» **The problem**:
Write out the stretch of lines below that begins at the line with "#99=IFCMATERIAL('Solid core timber" and ends at the line with "END-ISO-10303-21;", including both, exactly as given and nothing more.

============

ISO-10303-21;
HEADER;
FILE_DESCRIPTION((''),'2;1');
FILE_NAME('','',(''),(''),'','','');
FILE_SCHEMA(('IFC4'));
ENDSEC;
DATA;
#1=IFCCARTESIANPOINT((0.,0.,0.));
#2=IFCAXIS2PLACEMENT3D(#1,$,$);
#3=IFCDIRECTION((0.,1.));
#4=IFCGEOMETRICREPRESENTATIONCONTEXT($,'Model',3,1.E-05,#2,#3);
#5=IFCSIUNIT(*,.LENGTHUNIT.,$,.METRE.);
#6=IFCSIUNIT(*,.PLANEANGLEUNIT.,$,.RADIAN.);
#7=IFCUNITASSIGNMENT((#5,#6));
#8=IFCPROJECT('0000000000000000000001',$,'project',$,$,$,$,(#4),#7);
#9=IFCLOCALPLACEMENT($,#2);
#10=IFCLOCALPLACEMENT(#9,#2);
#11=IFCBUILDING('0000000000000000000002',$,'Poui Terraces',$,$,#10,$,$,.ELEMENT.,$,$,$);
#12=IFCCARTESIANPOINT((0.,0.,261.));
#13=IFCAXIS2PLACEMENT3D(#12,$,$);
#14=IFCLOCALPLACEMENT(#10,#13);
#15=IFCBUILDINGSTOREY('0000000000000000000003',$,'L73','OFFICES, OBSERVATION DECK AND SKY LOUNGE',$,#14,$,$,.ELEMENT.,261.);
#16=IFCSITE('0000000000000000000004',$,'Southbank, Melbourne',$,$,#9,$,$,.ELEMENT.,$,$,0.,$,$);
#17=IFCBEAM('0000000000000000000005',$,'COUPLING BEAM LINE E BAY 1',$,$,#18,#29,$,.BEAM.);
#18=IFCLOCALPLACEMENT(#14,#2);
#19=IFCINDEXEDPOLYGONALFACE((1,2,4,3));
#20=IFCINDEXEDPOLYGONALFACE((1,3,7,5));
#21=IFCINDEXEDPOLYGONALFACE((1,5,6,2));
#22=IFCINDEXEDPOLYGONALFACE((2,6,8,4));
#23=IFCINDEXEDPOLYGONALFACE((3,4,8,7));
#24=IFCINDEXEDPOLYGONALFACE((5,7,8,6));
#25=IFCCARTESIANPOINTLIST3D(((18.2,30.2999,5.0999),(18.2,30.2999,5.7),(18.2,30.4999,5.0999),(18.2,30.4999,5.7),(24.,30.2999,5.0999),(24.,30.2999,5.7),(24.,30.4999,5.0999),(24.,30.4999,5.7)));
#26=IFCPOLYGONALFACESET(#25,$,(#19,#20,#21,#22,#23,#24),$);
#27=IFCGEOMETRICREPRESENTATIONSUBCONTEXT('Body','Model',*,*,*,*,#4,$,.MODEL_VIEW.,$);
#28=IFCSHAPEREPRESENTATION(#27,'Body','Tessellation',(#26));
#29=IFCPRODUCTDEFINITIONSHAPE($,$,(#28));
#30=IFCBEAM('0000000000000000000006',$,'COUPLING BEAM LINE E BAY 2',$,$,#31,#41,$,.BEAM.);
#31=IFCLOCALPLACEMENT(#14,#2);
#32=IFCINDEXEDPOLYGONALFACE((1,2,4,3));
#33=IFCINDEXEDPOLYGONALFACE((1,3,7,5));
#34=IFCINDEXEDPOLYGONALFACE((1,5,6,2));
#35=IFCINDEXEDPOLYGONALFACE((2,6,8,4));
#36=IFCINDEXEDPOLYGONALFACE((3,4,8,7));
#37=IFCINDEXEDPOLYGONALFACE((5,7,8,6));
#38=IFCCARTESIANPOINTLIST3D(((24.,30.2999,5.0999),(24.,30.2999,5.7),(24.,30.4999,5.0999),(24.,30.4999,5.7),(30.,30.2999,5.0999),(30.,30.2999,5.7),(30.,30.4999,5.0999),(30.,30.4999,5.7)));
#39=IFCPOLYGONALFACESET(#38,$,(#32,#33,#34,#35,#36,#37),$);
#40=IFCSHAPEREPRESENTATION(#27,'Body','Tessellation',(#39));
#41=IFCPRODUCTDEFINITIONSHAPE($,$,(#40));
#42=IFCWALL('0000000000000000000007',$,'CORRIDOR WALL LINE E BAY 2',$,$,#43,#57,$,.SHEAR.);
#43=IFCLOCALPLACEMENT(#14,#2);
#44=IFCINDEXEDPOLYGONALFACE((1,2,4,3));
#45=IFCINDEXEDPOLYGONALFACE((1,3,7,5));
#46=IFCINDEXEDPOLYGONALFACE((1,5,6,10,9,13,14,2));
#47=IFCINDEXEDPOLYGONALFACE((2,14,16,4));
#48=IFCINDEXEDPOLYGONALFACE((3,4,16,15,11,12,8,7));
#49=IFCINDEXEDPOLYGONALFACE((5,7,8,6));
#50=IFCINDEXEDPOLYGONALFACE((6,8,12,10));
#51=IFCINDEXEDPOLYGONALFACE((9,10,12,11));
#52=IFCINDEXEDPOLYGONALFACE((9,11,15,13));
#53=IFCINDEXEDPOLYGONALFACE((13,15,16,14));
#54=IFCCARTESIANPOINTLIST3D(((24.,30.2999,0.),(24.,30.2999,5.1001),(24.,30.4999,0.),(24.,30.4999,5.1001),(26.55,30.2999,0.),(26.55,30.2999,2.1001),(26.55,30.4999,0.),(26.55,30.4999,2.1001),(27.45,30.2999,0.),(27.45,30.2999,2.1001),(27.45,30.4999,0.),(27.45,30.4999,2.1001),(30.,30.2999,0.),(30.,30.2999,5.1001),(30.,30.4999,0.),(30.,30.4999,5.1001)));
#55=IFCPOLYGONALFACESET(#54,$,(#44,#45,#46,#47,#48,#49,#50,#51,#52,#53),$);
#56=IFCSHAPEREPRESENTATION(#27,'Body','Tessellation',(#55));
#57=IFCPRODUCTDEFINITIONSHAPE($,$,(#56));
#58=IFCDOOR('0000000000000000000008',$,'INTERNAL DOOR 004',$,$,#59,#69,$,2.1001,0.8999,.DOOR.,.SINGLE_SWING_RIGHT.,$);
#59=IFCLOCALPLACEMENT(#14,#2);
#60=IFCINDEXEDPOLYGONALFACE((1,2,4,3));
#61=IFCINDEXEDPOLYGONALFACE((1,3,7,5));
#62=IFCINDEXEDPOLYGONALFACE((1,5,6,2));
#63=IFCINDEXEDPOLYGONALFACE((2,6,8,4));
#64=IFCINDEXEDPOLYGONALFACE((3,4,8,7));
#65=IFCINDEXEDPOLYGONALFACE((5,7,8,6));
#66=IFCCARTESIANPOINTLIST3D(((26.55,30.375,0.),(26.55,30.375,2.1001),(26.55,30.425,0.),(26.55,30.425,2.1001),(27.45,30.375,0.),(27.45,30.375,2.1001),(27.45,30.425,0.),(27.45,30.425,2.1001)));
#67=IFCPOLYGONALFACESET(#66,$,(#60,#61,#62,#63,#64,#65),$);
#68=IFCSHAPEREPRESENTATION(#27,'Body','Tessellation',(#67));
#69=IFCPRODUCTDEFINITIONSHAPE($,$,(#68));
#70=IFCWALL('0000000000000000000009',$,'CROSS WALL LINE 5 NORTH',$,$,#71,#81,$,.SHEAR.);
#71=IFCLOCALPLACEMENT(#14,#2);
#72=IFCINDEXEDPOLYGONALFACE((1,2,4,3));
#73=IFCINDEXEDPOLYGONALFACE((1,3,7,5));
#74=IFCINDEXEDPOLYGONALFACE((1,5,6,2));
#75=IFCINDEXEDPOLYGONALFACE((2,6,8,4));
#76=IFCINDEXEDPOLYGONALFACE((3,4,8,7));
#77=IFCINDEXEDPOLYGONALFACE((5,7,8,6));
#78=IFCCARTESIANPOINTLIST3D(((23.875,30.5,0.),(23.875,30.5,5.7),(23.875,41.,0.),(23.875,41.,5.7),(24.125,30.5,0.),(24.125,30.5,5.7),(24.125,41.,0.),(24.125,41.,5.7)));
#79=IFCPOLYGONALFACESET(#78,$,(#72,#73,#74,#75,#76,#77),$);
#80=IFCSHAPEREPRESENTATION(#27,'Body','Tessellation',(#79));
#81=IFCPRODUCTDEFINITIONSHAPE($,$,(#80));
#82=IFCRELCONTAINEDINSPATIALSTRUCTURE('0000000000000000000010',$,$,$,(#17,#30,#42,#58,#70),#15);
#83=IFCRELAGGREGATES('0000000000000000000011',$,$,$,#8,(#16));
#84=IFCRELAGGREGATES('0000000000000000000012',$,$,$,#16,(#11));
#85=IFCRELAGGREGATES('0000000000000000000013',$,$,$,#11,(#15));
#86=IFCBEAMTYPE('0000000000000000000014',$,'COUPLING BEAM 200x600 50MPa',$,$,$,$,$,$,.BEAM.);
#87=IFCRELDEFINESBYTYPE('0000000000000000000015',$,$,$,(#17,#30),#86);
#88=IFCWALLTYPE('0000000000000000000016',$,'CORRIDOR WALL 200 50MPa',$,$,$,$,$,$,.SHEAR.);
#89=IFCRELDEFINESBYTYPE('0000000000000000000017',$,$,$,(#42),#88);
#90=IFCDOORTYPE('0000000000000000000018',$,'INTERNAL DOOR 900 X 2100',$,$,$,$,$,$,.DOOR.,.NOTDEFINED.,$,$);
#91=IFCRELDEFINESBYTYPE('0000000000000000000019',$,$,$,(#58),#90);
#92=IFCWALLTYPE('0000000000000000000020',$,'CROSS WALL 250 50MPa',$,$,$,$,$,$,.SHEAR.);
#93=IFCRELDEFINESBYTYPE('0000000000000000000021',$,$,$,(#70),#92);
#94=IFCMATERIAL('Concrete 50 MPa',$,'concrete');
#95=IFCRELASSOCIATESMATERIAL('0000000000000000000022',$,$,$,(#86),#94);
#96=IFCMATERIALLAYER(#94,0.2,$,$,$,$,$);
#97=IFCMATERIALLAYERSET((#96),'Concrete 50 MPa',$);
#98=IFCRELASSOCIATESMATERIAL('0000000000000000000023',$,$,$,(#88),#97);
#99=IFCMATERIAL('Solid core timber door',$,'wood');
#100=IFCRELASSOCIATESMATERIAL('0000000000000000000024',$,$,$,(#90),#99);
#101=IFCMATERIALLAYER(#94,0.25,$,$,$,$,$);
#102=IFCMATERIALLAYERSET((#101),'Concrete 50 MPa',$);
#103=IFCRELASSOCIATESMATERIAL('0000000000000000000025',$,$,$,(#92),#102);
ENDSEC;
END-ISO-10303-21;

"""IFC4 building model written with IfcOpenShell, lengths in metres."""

from ifc_helpers import new_model, si_unit, direction, frame, frame_2d, origin, origin_2d, place, context, subcontext, project, spatial, rectangle, extrude, source, transform, mapped, material, layer, layer_set, material_profile, profile_set, type_object, element, fill, save


model = new_model("IFC4")

# Units and contexts
model_context = context("Model", 3, precision=1e-05, world=origin(), true_north=direction((0.0, 1.0)))
body_context = subcontext(model_context, "Body", "Model", "MODEL_VIEW")
ifc_project = project(units=[si_unit("LENGTHUNIT", "METRE"), si_unit("PLANEANGLEUNIT", "RADIAN")], contexts=[model_context])

# Site, building, storey
site_placement = place(None, origin())
site = spatial("IfcSite", under=ifc_project, at=site_placement, Name="Southbank, Melbourne", CompositionType="ELEMENT", RefElevation=0.0)
building_placement = place(site_placement, origin())
building = spatial("IfcBuilding", under=site, at=building_placement, Name="Poui Terraces", CompositionType="ELEMENT")
storey_placement = place(building_placement, frame((0.0, 0.0, 261.0)))
storey = spatial("IfcBuildingStorey", under=building, at=storey_placement, Name="L73", Description="OFFICES, OBSERVATION DECK AND SKY LOUNGE", CompositionType="ELEMENT", Elevation=261.0)

# Beams
ifc_material_1 = material(Name="Concrete 50 MPa", Category="concrete")
ifc_material_profile = material_profile(ifc_material_1, rectangle(XDim=0.2, YDim=0.6001, at=origin_2d()), Name="RC 200x600")
ifc_profile_set = profile_set([ifc_material_profile], Name="Concrete 50 MPa")
beam_type = type_object("IfcBeamType", Name="COUPLING BEAM 200x600 50MPa", PredefinedType="BEAM", material=ifc_profile_set)
shared_shape_1 = source(origin(), body_context, "Body", "SweptSolid", [
    extrude(rectangle(XDim=0.2, YDim=0.6001, at=origin_2d()), origin(), (0.0, 0.0, 1.0), 5.8),
])
beam_1_placement = place(storey_placement, frame((18.2, 30.3999, 5.3999), z_axis=(1.0, 0.0, 0.0), x_axis=(0.0, 1.0, 0.0)))
element("IfcBeam", 1, at=beam_1_placement, inside=storey, type_object=beam_type, Name="COUPLING BEAM LINE E BAY 1", PredefinedType="BEAM", context=body_context, shape_type="MappedRepresentation", body=[
    mapped(shared_shape_1, transform((0.0, 0.0, 0.0))),
])
shared_shape_2 = source(origin(), body_context, "Body", "SweptSolid", [
    extrude(rectangle(XDim=0.2, YDim=0.6001, at=origin_2d()), origin(), (0.0, 0.0, 1.0), 6.0),
])
beam_2_placement = place(storey_placement, frame((24.0, 30.3999, 5.3999), z_axis=(1.0, 0.0, 0.0), x_axis=(0.0, 1.0, 0.0)))
element("IfcBeam", 2, at=beam_2_placement, inside=storey, type_object=beam_type, Name="COUPLING BEAM LINE E BAY 2", PredefinedType="BEAM", context=body_context, shape_type="MappedRepresentation", body=[
    mapped(shared_shape_2, transform((0.0, 0.0, 0.0))),
])

# Wall, opening, door
ifc_layer_1 = layer(ifc_material_1, 0.2)
ifc_layer_set_1 = layer_set([ifc_layer_1], Name="Concrete 50 MPa")
wall_type_1 = type_object("IfcWallType", Name="CORRIDOR WALL 200 50MPa", PredefinedType="SHEAR", material=ifc_layer_set_1)
wall_1_placement = place(storey_placement, frame((24.0, 30.3999, 0.0), z_axis=(0.0, 0.0, 1.0), x_axis=(1.0, 0.0, 0.0)))
wall_1 = element("IfcWall", 3, at=wall_1_placement, inside=storey, type_object=wall_type_1, Name="CORRIDOR WALL LINE E BAY 2", PredefinedType="SHEAR", context=body_context, shape_type="SweptSolid", body=[
    extrude(rectangle(XDim=6.0, YDim=0.2, at=frame_2d((3.0, 0.0))), origin(), (0.0, 0.0, 1.0), 5.1001),
])
opening_placement = place(wall_1_placement, frame((2.55, 0.0, 0.0)))
opening = element("IfcOpeningElement", 4, at=opening_placement, cuts=wall_1, PredefinedType="OPENING", context=body_context, shape_type="SweptSolid", body=[
    extrude(rectangle(XDim=0.8999, YDim=2.1001, at=frame_2d((0.45, 1.05))), frame((0.0, 0.1099, 0.0), z_axis=(0.0, -1.0, 0.0), x_axis=(1.0, 0.0, 0.0)), (0.0, 0.0, 1.0), 0.22),
])
ifc_material_2 = material(Name="Solid core timber door", Category="wood")
door_type = type_object("IfcDoorType", Name="INTERNAL DOOR 900 X 2100", OperationType="NOTDEFINED", PredefinedType="DOOR", material=ifc_material_2)
door_placement = place(opening_placement, frame((0.8999, 0.0, 0.0), z_axis=(0.0, 0.0, 1.0), x_axis=(-1.0, 0.0, 0.0)))
door = element("IfcDoor", 5, at=door_placement, inside=storey, type_object=door_type, Name="INTERNAL DOOR 004", OperationType="SINGLE_SWING_RIGHT", OverallHeight=2.1001, OverallWidth=0.8999, PredefinedType="DOOR", context=body_context, shape_type="SweptSolid", body=[
    extrude(rectangle(XDim=0.8999, YDim=2.1001, at=frame_2d((0.45, 1.05))), frame((0.0, 0.0249, 0.0), z_axis=(0.0, -1.0, 0.0), x_axis=(1.0, 0.0, 0.0)), (0.0, 0.0, 1.0), 0.05),
])
fill(opening, door)

# Wall
ifc_layer_2 = layer(ifc_material_1, 0.25)
ifc_layer_set_2 = layer_set([ifc_layer_2], Name="Concrete 50 MPa")
wall_type_2 = type_object("IfcWallType", Name="CROSS WALL 250 50MPa", PredefinedType="SHEAR", material=ifc_layer_set_2)
wall_2_placement = place(storey_placement, frame((24.0, 30.5, 0.0), z_axis=(0.0, 0.0, 1.0), x_axis=(0.0, 1.0, 0.0)))
element("IfcWall", 6, at=wall_2_placement, inside=storey, type_object=wall_type_2, Name="CROSS WALL LINE 5 NORTH", PredefinedType="SHEAR", context=body_context, shape_type="SweptSolid", body=[
    extrude(rectangle(XDim=10.5, YDim=0.25, at=frame_2d((5.25, 0.0))), origin(), (0.0, 0.0, 1.0), 5.7),
])

save(model, "model.ifc")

============

» **Solution to this exercise**:
#99=IFCMATERIAL('Solid core timber door',$,'wood');
#100=IFCRELASSOCIATESMATERIAL('0000000000000000000024',$,$,$,(#90),#99);
#101=IFCMATERIALLAYER(#94,0.25,$,$,$,$,$);
#102=IFCMATERIALLAYERSET((#101),'Concrete 50 MPa',$);
#103=IFCRELASSOCIATESMATERIAL('0000000000000000000025',$,$,$,(#92),#102);
ENDSEC;
END-ISO-10303-21;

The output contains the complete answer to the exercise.